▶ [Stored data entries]
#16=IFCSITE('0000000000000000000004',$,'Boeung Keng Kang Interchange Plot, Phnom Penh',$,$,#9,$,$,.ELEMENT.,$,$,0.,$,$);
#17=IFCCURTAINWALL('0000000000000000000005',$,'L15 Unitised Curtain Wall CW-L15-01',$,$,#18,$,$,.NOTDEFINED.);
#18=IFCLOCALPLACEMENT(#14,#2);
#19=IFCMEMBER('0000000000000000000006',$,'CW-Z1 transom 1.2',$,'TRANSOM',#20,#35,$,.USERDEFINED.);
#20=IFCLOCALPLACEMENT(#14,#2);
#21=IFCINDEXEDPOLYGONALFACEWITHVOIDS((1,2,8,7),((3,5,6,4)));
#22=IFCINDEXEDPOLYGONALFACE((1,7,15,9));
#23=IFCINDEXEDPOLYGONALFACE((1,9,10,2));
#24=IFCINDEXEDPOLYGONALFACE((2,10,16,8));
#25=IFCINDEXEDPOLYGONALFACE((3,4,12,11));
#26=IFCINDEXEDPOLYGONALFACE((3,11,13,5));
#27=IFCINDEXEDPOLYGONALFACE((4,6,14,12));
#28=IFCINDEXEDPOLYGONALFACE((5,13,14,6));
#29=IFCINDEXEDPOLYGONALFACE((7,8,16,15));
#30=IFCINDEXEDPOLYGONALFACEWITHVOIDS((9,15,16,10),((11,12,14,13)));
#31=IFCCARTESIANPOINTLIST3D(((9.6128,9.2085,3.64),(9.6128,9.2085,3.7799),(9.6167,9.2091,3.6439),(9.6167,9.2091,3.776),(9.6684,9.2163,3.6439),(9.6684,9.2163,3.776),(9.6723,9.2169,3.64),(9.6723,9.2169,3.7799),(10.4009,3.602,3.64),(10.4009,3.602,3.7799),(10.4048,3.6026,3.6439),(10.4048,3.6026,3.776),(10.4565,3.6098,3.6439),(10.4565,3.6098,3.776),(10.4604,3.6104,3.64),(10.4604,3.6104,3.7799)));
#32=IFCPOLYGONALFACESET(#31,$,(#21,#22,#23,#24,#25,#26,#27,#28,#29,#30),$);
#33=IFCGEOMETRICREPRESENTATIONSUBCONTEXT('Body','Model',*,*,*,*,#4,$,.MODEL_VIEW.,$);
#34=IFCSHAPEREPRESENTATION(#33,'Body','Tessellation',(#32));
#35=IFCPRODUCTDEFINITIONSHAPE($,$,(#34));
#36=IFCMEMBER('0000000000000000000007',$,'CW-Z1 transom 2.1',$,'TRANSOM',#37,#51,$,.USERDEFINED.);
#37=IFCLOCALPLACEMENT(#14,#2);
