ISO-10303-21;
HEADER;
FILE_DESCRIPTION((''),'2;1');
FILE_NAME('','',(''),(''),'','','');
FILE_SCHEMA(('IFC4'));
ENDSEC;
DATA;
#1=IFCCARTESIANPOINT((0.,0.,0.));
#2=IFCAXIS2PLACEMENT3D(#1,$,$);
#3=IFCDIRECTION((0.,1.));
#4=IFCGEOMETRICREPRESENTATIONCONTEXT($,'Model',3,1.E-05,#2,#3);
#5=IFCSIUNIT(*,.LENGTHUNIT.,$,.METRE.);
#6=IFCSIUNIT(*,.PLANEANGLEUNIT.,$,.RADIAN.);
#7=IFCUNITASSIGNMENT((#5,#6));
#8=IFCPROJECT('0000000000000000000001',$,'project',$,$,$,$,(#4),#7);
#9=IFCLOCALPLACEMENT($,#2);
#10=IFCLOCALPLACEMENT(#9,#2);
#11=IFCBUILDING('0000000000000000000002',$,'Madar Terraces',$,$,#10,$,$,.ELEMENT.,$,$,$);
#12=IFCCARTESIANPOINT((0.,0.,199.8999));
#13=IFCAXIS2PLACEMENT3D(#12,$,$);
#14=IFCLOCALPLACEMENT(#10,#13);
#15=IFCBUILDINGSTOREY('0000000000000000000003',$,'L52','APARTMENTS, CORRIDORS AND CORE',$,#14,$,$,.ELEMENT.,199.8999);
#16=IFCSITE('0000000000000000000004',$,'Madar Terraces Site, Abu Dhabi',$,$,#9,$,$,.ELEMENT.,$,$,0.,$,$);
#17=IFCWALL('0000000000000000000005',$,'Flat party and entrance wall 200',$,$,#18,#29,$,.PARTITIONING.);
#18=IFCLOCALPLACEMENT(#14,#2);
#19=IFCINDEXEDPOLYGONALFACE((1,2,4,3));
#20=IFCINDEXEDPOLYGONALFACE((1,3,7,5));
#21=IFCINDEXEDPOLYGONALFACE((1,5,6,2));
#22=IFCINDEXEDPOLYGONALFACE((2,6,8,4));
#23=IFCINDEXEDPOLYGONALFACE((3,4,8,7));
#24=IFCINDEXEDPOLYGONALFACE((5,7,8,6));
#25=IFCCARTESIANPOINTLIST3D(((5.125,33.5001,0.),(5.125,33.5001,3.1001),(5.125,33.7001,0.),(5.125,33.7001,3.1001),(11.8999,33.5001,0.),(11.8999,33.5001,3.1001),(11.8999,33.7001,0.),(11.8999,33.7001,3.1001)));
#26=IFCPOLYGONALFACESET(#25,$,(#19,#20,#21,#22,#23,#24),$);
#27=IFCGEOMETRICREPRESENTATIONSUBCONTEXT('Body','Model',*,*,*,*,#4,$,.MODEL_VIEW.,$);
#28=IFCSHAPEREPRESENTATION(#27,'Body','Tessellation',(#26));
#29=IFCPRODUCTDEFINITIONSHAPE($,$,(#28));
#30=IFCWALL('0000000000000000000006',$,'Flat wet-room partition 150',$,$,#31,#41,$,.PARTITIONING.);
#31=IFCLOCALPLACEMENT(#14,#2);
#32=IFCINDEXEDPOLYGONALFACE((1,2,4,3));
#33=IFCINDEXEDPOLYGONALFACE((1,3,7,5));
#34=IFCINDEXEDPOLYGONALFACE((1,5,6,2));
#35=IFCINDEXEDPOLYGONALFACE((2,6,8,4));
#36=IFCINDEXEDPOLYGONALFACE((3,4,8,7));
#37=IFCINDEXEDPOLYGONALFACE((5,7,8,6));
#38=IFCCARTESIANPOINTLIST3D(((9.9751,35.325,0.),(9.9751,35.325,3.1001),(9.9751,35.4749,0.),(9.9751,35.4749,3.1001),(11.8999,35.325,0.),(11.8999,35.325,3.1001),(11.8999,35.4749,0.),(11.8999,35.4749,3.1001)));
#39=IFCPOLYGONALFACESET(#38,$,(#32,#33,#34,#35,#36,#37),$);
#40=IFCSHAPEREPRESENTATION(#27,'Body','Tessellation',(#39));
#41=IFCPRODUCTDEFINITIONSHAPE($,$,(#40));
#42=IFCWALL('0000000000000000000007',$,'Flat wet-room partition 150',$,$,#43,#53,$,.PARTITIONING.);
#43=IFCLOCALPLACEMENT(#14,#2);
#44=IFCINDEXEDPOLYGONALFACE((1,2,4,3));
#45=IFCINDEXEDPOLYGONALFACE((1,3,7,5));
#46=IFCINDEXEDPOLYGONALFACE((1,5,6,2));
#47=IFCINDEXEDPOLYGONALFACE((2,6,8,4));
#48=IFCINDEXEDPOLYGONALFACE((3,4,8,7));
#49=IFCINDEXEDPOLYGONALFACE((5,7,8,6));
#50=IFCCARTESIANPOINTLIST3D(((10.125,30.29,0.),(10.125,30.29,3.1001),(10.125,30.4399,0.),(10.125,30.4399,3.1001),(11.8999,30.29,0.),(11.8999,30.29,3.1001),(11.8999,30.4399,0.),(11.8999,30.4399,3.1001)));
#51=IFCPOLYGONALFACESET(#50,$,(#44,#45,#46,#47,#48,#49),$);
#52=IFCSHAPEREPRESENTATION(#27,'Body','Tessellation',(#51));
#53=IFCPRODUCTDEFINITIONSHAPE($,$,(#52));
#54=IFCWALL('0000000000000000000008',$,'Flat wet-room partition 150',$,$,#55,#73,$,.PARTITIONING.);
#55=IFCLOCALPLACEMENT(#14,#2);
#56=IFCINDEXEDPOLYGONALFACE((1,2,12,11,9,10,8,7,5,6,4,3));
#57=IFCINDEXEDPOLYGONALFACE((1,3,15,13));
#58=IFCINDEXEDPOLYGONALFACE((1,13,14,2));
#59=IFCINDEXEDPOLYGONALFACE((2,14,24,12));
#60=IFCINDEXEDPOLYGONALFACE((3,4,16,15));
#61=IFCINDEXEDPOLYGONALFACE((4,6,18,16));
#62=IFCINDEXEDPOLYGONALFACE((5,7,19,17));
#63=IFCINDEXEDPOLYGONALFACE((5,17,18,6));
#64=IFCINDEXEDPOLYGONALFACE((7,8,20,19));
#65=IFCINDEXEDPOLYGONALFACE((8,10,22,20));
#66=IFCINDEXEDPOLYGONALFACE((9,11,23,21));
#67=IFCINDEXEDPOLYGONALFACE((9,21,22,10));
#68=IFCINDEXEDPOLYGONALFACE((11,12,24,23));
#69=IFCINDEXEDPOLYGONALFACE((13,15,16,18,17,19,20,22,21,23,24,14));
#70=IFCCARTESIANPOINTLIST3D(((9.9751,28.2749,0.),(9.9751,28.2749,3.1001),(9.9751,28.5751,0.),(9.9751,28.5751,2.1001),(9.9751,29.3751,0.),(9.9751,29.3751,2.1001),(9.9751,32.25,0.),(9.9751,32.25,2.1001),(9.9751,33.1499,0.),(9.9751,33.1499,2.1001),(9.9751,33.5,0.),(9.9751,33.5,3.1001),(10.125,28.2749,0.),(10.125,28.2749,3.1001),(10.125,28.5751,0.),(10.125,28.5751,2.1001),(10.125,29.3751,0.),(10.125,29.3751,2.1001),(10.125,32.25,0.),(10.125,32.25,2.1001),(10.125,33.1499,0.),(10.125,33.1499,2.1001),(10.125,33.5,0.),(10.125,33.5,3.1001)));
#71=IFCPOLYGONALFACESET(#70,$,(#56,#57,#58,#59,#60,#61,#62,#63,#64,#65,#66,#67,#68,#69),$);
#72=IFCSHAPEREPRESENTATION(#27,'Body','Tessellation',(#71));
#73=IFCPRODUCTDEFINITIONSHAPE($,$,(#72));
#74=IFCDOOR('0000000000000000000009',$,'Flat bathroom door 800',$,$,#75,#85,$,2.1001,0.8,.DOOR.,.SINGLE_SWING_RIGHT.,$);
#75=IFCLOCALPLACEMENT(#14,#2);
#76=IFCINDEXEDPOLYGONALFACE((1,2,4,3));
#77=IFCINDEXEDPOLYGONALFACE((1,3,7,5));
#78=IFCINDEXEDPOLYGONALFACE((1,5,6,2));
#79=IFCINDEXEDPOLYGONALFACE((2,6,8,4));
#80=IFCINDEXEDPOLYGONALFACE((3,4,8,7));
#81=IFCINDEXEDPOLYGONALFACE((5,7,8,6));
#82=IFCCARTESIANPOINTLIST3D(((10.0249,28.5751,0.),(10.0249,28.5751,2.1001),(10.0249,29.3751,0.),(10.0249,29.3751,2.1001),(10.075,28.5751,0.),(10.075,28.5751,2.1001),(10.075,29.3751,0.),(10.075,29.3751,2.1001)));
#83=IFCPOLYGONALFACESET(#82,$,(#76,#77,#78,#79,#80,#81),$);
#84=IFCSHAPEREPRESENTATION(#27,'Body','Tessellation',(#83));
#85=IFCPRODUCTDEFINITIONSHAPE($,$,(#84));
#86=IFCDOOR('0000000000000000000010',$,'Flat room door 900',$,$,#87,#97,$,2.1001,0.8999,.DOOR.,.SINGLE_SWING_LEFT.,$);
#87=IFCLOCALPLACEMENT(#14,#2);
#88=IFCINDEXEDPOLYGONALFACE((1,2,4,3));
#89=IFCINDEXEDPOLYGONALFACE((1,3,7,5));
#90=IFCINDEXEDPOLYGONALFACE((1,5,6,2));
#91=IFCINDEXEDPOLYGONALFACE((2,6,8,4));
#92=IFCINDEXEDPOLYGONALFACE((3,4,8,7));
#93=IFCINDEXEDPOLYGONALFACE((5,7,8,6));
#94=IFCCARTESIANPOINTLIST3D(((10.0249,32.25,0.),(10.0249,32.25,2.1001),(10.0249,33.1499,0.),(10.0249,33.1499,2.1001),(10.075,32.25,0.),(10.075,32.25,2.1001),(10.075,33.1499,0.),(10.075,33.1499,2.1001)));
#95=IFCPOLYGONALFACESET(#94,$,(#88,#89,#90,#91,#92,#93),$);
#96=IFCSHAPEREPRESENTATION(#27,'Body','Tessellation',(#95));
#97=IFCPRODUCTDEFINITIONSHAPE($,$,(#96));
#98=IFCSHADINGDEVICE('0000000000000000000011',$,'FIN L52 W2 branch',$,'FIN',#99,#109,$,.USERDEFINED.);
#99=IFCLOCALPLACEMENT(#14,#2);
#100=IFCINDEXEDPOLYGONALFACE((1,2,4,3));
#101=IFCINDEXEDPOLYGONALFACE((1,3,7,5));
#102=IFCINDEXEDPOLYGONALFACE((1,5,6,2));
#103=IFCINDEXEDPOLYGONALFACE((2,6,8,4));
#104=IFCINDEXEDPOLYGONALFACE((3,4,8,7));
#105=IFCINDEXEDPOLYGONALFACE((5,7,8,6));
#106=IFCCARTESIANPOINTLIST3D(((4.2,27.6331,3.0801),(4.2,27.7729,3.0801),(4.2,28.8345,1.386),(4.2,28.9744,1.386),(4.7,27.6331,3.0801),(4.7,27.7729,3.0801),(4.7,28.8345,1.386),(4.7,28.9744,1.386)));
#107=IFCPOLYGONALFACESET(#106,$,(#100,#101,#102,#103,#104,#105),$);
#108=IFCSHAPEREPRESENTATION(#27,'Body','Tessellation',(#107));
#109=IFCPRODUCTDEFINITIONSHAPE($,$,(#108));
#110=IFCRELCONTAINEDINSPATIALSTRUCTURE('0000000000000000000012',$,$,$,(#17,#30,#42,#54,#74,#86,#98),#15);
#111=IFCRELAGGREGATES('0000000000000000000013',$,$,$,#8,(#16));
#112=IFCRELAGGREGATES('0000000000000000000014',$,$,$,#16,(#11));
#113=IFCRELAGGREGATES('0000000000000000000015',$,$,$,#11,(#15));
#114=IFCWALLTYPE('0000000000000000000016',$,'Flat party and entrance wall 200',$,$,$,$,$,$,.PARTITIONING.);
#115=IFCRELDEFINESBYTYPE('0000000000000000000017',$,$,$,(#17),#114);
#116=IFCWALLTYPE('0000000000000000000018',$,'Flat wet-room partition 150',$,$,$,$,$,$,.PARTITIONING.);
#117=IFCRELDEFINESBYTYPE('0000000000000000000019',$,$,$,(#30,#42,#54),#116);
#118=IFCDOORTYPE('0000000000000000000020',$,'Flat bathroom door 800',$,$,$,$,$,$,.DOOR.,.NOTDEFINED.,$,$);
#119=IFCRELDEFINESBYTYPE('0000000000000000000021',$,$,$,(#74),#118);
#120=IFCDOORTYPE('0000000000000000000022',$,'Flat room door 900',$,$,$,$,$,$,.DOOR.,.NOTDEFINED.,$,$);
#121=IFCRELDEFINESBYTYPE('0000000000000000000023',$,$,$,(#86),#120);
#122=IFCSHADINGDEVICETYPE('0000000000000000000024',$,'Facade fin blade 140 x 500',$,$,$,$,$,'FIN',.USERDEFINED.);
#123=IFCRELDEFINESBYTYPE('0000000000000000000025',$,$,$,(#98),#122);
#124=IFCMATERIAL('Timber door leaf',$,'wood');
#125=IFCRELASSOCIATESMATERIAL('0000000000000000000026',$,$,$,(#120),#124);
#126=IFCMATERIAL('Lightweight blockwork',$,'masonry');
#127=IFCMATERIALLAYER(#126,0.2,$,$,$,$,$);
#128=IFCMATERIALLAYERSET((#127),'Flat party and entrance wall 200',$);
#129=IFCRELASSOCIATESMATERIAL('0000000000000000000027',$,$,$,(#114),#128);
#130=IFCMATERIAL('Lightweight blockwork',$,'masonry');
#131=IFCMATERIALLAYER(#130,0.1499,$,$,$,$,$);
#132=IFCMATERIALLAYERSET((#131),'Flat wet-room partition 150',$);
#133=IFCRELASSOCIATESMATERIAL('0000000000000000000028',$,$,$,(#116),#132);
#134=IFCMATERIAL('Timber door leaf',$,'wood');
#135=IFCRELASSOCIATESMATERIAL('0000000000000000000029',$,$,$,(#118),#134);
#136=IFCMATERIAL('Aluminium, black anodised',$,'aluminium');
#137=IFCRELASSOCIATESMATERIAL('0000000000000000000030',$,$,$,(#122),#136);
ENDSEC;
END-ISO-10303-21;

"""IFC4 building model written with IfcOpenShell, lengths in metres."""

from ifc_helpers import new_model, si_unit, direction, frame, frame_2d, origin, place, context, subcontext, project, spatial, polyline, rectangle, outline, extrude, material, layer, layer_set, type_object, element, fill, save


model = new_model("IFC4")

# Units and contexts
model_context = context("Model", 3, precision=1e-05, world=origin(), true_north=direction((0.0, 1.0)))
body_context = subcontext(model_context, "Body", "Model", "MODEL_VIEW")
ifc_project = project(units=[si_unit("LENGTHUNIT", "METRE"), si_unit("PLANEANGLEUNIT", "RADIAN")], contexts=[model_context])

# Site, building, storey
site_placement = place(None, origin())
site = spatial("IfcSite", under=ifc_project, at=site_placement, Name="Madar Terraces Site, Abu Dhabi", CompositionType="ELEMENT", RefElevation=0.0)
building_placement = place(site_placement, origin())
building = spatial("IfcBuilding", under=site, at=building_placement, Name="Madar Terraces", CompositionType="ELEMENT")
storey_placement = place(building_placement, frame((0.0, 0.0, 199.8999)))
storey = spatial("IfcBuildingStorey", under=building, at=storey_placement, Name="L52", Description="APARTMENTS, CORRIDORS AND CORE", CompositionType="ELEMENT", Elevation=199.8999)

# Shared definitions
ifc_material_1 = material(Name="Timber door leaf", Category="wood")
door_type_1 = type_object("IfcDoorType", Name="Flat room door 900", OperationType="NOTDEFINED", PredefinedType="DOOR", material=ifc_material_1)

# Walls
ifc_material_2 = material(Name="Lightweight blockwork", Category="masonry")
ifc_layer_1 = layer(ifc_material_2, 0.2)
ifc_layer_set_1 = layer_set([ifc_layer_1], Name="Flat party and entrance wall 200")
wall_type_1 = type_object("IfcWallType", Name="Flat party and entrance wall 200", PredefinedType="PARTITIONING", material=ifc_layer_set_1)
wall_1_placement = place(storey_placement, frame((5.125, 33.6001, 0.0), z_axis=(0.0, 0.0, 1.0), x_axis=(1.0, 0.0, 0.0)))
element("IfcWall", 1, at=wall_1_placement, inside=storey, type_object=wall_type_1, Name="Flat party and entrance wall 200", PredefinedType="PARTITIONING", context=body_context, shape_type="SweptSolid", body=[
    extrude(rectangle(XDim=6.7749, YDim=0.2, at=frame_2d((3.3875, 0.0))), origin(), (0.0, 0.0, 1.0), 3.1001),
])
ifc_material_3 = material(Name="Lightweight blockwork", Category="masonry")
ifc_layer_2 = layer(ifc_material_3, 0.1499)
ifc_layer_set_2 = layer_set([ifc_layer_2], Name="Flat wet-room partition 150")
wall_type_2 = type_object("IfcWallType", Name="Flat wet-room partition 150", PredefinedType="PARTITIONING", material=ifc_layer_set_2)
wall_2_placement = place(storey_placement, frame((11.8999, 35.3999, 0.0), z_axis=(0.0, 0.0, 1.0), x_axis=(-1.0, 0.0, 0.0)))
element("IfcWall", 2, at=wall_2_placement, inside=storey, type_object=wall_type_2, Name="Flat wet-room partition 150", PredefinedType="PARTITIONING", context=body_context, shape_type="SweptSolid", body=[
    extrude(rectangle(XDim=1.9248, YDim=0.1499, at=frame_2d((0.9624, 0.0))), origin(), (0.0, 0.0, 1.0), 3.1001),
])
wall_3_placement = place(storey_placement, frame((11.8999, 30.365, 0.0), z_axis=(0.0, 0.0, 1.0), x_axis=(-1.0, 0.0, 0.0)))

▶ [EXERCISE DIRECTIONS]
All lines above between those holding "#88=IFCINDEXEDPOLYGONALFACE((1,2,4,3));" and "#109=IFCPRODUCTDEFINITIONSHAPE($,$,(#108));", inclusive, must be set down unchanged, and no other line may be included.

▶ [OUTPUT OF THE EXERCISE]
#88=IFCINDEXEDPOLYGONALFACE((1,2,4,3));
#89=IFCINDEXEDPOLYGONALFACE((1,3,7,5));
#90=IFCINDEXEDPOLYGONALFACE((1,5,6,2));
#91=IFCINDEXEDPOLYGONALFACE((2,6,8,4));
#92=IFCINDEXEDPOLYGONALFACE((3,4,8,7));
#93=IFCINDEXEDPOLYGONALFACE((5,7,8,6));
#94=IFCCARTESIANPOINTLIST3D(((10.0249,32.25,0.),(10.0249,32.25,2.1001),(10.0249,33.1499,0.),(10.0249,33.1499,2.1001),(10.075,32.25,0.),(10.075,32.25,2.1001),(10.075,33.1499,0.),(10.075,33.1499,2.1001)));
#95=IFCPOLYGONALFACESET(#94,$,(#88,#89,#90,#91,#92,#93),$);
#96=IFCSHAPEREPRESENTATION(#27,'Body','Tessellation',(#95));
#97=IFCPRODUCTDEFINITIONSHAPE($,$,(#96));
#98=IFCSHADINGDEVICE('0000000000000000000011',$,'FIN L52 W2 branch',$,'FIN',#99,#109,$,.USERDEFINED.);
#99=IFCLOCALPLACEMENT(#14,#2);
#100=IFCINDEXEDPOLYGONALFACE((1,2,4,3));
#101=IFCINDEXEDPOLYGONALFACE((1,3,7,5));
#102=IFCINDEXEDPOLYGONALFACE((1,5,6,2));
#103=IFCINDEXEDPOLYGONALFACE((2,6,8,4));
#104=IFCINDEXEDPOLYGONALFACE((3,4,8,7));
#105=IFCINDEXEDPOLYGONALFACE((5,7,8,6));
#106=IFCCARTESIANPOINTLIST3D(((4.2,27.6331,3.0801),(4.2,27.7729,3.0801),(4.2,28.8345,1.386),(4.2,28.9744,1.386),(4.7,27.6331,3.0801),(4.7,27.7729,3.0801),(4.7,28.8345,1.386),(4.7,28.9744,1.386)));
#107=IFCPOLYGONALFACESET(#106,$,(#100,#101,#102,#103,#104,#105),$);
#108=IFCSHAPEREPRESENTATION(#27,'Body','Tessellation',(#107));
#109=IFCPRODUCTDEFINITIONSHAPE($,$,(#108));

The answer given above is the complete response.